▸ **EXERCISE AIM**:
Only one stretch of the data below is needed. Output the lines from the one with "#219=IFCMATERIALLAYER(#218,0.0549,$,$,$,$,$);" up to and including the one with "fill, aggregate, save", exactly as they stand.

Start of GIVEN INFORMATION

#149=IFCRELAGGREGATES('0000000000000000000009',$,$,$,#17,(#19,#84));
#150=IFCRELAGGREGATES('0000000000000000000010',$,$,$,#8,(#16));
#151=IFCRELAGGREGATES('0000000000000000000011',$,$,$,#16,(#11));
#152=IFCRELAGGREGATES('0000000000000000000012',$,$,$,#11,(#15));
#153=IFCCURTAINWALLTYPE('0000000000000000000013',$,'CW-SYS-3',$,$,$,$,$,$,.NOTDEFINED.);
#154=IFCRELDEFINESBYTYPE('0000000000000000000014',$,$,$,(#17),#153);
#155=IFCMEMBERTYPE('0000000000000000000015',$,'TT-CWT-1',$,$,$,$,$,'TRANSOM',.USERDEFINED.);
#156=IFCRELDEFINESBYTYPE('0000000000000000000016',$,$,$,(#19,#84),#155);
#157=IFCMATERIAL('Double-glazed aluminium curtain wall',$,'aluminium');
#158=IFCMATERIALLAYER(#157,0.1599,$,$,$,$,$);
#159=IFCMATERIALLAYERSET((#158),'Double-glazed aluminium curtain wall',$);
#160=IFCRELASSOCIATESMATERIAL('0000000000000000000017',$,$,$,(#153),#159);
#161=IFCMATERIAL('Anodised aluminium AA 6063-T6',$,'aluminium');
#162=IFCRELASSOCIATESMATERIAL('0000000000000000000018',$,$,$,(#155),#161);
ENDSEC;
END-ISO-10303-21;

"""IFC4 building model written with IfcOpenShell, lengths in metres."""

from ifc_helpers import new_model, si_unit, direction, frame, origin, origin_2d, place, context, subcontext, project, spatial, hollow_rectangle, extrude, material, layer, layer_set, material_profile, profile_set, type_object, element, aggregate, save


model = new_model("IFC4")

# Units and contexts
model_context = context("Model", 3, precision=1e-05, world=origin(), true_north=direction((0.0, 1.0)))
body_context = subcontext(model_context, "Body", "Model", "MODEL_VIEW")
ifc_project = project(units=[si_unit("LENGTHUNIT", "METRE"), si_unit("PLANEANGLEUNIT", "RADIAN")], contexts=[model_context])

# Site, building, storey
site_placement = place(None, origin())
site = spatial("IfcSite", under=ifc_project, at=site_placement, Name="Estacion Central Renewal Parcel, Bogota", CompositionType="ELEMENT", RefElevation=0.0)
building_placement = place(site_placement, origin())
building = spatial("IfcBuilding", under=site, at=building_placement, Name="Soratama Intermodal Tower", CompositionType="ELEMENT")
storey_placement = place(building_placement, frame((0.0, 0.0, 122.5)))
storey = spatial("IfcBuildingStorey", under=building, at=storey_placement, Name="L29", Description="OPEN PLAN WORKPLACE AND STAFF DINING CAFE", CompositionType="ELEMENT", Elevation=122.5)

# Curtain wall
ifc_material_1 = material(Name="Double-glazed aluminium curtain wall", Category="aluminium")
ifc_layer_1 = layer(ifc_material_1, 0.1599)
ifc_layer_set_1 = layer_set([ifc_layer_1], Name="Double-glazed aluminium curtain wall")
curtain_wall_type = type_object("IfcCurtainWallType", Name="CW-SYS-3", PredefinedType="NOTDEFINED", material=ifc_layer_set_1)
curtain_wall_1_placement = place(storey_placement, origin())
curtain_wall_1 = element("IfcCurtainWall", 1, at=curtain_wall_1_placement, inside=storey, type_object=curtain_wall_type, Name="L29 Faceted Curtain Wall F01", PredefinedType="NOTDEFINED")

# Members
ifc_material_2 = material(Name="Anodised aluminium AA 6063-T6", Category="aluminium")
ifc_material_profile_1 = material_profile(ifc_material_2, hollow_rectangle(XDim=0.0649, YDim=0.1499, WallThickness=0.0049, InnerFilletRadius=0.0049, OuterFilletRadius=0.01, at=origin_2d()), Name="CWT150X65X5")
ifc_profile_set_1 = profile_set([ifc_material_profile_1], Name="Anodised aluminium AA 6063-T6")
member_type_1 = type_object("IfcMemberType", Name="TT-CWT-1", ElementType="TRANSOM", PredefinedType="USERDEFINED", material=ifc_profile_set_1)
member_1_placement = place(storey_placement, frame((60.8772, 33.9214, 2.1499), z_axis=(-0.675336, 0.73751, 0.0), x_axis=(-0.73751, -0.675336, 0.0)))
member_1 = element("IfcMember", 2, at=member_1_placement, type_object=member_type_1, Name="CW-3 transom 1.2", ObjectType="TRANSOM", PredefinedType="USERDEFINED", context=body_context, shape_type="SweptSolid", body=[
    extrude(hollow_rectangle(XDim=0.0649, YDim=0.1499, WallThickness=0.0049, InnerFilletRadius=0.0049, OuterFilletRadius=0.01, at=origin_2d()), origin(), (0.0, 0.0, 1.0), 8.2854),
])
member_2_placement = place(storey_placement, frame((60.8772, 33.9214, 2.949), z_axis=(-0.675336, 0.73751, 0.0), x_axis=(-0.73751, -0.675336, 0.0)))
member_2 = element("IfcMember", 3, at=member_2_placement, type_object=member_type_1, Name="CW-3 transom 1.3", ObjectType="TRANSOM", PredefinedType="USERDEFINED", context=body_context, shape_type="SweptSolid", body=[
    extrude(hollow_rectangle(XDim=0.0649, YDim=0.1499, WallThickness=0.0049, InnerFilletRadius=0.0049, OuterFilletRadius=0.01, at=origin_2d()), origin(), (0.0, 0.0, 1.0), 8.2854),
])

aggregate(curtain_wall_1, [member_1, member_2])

End of GIVEN INFORMATION
Start of GIVEN INFORMATION

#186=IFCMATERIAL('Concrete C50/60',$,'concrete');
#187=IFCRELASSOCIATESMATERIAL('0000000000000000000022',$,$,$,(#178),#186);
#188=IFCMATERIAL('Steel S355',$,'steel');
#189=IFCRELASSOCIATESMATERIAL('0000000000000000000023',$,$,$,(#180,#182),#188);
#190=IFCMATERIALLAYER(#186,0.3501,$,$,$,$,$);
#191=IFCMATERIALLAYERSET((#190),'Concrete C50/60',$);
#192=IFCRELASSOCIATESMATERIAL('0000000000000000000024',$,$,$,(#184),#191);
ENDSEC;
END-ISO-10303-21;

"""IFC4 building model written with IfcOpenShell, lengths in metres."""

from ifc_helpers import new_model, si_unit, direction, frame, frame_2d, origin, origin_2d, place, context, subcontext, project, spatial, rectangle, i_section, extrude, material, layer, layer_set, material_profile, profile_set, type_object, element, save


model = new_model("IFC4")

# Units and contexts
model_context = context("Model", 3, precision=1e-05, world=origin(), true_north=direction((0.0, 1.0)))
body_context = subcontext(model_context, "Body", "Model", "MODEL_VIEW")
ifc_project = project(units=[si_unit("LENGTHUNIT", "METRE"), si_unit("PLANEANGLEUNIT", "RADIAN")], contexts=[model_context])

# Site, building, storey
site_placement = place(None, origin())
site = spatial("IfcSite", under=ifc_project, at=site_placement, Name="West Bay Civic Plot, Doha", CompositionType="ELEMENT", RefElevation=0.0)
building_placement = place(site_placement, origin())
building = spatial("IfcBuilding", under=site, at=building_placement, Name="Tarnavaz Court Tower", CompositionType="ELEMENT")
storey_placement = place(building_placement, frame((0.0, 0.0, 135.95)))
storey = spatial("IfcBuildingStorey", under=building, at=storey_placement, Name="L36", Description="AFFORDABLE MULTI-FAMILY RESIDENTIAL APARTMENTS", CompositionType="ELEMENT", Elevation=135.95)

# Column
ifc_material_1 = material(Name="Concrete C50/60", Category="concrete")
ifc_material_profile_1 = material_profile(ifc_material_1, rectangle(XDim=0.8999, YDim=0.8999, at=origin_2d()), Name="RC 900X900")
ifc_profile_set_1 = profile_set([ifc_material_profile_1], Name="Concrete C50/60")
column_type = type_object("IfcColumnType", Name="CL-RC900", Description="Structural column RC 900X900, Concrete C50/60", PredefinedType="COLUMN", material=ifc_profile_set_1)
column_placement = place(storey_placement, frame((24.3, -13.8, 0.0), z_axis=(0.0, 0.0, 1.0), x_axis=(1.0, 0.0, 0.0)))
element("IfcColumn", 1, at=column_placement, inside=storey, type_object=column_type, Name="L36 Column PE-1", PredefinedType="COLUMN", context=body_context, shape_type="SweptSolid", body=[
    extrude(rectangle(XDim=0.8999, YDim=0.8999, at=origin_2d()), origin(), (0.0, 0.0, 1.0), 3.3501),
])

End of GIVEN INFORMATION
Start of GIVEN INFORMATION

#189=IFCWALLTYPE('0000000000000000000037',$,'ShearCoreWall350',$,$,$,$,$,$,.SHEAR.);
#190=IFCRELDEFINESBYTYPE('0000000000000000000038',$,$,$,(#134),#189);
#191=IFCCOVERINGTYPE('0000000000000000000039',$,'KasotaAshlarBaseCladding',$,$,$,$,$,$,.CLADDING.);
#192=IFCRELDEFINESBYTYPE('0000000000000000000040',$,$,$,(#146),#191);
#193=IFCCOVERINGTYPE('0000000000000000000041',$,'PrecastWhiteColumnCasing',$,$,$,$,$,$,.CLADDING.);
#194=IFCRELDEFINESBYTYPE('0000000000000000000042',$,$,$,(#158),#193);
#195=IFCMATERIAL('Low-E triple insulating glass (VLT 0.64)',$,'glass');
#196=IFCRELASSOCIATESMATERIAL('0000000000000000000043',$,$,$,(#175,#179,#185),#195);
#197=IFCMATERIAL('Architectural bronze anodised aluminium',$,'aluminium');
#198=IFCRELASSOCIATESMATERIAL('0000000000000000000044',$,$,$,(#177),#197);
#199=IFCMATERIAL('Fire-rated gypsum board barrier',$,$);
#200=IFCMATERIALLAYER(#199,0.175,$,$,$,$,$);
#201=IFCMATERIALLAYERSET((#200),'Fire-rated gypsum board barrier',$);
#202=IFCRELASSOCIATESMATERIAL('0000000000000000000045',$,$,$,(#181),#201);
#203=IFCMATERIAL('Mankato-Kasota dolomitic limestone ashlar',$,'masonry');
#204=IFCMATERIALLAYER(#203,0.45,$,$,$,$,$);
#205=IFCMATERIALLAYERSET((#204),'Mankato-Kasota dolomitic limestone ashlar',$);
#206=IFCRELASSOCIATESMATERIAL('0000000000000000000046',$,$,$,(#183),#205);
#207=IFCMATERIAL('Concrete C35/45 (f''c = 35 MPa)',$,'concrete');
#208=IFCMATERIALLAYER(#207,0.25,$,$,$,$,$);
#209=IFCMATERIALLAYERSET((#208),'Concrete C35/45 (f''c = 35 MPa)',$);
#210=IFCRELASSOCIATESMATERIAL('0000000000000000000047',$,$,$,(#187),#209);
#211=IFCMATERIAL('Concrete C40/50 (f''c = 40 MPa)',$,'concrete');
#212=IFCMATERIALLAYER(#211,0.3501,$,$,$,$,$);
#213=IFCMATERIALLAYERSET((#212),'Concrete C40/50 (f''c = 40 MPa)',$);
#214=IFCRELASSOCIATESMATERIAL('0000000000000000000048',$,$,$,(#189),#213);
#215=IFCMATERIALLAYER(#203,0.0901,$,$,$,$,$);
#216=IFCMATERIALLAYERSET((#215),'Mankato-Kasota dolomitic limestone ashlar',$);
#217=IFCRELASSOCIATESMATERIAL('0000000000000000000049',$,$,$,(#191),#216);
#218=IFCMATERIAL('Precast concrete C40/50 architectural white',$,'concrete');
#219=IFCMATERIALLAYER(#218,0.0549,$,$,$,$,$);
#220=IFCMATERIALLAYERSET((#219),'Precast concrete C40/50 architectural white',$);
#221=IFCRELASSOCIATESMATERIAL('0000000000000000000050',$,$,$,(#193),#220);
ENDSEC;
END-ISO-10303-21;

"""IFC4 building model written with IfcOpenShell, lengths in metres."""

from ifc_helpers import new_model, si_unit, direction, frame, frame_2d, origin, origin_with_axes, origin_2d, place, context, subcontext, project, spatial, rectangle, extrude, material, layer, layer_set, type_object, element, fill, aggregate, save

End of GIVEN INFORMATION

▸ **WRITTEN RESPONSE**:
#219=IFCMATERIALLAYER(#218,0.0549,$,$,$,$,$);
#220=IFCMATERIALLAYERSET((#219),'Precast concrete C40/50 architectural white',$);
#221=IFCRELASSOCIATESMATERIAL('0000000000000000000050',$,$,$,(#193),#220);
ENDSEC;
END-ISO-10303-21;

"""IFC4 building model written with IfcOpenShell, lengths in metres."""

from ifc_helpers import new_model, si_unit, direction, frame, frame_2d, origin, origin_with_axes, origin_2d, place, context, subcontext, project, spatial, rectangle, extrude, material, layer, layer_set, type_object, element, fill, aggregate, save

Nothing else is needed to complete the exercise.